● Given records
────────

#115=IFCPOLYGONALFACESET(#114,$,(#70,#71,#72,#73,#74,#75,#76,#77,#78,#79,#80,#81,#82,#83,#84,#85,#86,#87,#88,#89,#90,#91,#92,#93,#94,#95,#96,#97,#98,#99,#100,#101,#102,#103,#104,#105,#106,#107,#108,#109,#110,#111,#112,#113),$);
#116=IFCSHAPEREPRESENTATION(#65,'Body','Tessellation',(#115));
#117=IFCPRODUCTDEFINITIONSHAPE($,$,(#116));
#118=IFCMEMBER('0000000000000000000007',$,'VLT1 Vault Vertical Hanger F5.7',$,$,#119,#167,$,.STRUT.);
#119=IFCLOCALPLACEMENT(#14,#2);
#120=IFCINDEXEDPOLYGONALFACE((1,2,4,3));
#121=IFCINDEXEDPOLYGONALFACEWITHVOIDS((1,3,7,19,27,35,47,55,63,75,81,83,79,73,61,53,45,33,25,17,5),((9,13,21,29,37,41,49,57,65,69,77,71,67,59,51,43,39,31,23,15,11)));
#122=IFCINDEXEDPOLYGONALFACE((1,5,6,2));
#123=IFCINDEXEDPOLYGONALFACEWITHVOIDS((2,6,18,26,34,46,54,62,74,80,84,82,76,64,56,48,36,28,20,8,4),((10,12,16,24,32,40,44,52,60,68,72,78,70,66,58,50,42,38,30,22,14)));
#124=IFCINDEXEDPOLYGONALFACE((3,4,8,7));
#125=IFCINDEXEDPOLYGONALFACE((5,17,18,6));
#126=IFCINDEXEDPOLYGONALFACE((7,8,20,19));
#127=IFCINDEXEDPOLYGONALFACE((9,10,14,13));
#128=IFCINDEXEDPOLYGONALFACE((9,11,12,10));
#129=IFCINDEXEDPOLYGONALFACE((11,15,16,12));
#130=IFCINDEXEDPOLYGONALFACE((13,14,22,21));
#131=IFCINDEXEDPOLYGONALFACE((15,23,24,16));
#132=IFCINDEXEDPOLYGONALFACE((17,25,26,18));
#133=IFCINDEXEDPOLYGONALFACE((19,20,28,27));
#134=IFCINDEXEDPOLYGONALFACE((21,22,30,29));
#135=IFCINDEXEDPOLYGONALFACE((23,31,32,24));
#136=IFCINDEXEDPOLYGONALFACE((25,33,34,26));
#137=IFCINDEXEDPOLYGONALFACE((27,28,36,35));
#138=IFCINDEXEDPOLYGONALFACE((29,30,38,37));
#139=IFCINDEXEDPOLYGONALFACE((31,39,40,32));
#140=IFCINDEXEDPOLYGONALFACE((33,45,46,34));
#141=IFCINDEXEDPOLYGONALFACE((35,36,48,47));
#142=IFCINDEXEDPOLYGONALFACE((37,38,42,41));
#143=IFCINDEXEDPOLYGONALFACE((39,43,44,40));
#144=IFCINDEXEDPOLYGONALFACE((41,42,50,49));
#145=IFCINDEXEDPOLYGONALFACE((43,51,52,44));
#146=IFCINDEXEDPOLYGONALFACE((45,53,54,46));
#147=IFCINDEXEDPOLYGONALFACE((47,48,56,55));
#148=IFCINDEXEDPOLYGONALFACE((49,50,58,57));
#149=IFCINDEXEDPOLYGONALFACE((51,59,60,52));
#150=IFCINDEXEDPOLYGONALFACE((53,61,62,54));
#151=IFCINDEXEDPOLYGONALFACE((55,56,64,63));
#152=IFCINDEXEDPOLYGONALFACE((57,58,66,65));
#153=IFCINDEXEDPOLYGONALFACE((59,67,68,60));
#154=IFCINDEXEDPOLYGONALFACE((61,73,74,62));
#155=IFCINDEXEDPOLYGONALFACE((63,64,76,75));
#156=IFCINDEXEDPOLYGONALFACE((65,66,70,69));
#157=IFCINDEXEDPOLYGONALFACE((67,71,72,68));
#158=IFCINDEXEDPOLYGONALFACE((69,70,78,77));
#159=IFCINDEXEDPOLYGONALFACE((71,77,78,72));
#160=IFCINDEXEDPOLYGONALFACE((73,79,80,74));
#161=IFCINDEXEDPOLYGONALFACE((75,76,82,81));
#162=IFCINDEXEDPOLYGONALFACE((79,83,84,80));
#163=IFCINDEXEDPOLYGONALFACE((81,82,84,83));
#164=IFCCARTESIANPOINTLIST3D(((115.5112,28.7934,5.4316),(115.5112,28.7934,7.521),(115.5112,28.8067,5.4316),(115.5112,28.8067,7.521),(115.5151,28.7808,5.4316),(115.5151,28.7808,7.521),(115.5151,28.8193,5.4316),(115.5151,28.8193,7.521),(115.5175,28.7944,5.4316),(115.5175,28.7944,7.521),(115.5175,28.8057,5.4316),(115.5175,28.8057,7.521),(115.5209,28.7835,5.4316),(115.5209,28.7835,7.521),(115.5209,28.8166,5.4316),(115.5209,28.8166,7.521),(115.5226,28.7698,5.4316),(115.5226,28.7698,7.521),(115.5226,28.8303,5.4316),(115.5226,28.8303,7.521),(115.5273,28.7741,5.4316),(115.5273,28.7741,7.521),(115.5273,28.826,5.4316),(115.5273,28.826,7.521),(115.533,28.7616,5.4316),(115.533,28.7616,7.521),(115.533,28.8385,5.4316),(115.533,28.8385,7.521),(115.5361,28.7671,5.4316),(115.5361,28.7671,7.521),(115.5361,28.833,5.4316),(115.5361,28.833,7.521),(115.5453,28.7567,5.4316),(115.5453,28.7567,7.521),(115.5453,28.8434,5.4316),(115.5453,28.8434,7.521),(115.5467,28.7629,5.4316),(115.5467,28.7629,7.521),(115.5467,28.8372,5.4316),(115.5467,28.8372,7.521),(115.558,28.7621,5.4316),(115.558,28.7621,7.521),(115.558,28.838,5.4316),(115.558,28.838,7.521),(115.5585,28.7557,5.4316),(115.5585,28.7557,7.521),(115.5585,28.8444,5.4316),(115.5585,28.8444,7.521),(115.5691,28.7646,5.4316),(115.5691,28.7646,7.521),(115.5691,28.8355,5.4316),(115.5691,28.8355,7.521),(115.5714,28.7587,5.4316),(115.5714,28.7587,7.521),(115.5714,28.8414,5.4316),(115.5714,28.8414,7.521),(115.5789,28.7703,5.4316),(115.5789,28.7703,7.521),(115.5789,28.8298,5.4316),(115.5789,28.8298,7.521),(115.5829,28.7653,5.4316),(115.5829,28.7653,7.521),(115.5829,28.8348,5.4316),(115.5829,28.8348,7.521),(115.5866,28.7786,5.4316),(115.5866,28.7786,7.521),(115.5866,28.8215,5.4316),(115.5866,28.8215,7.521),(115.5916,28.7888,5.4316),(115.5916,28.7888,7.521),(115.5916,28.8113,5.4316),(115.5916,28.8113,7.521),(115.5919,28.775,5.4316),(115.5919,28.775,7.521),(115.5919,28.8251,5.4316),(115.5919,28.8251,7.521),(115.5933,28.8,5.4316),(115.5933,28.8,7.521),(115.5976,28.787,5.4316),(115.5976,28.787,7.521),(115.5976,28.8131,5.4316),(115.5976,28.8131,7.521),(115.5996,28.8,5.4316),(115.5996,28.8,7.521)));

────────

● The problem
Only the lines above starting with the one with "#132=IFCINDEXEDPOLYGONALFACE((17,25,26,18));" and going through the one with "#161=IFCINDEXEDPOLYGONALFACE((75,76,82,81));" are to be copied, word for word and with both ends kept.

● Solution to the exercise
#132=IFCINDEXEDPOLYGONALFACE((17,25,26,18));
#133=IFCINDEXEDPOLYGONALFACE((19,20,28,27));
#134=IFCINDEXEDPOLYGONALFACE((21,22,30,29));
#135=IFCINDEXEDPOLYGONALFACE((23,31,32,24));
#136=IFCINDEXEDPOLYGONALFACE((25,33,34,26));
#137=IFCINDEXEDPOLYGONALFACE((27,28,36,35));
#138=IFCINDEXEDPOLYGONALFACE((29,30,38,37));
#139=IFCINDEXEDPOLYGONALFACE((31,39,40,32));
#140=IFCINDEXEDPOLYGONALFACE((33,45,46,34));
#141=IFCINDEXEDPOLYGONALFACE((35,36,48,47));
#142=IFCINDEXEDPOLYGONALFACE((37,38,42,41));
#143=IFCINDEXEDPOLYGONALFACE((39,43,44,40));
#144=IFCINDEXEDPOLYGONALFACE((41,42,50,49));
#145=IFCINDEXEDPOLYGONALFACE((43,51,52,44));
#146=IFCINDEXEDPOLYGONALFACE((45,53,54,46));
#147=IFCINDEXEDPOLYGONALFACE((47,48,56,55));
#148=IFCINDEXEDPOLYGONALFACE((49,50,58,57));
#149=IFCINDEXEDPOLYGONALFACE((51,59,60,52));
#150=IFCINDEXEDPOLYGONALFACE((53,61,62,54));
#151=IFCINDEXEDPOLYGONALFACE((55,56,64,63));
#152=IFCINDEXEDPOLYGONALFACE((57,58,66,65));
#153=IFCINDEXEDPOLYGONALFACE((59,67,68,60));
#154=IFCINDEXEDPOLYGONALFACE((61,73,74,62));
#155=IFCINDEXEDPOLYGONALFACE((63,64,76,75));
#156=IFCINDEXEDPOLYGONALFACE((65,66,70,69));
#157=IFCINDEXEDPOLYGONALFACE((67,71,72,68));
#158=IFCINDEXEDPOLYGONALFACE((69,70,78,77));
#159=IFCINDEXEDPOLYGONALFACE((71,77,78,72));
#160=IFCINDEXEDPOLYGONALFACE((73,79,80,74));
#161=IFCINDEXEDPOLYGONALFACE((75,76,82,81));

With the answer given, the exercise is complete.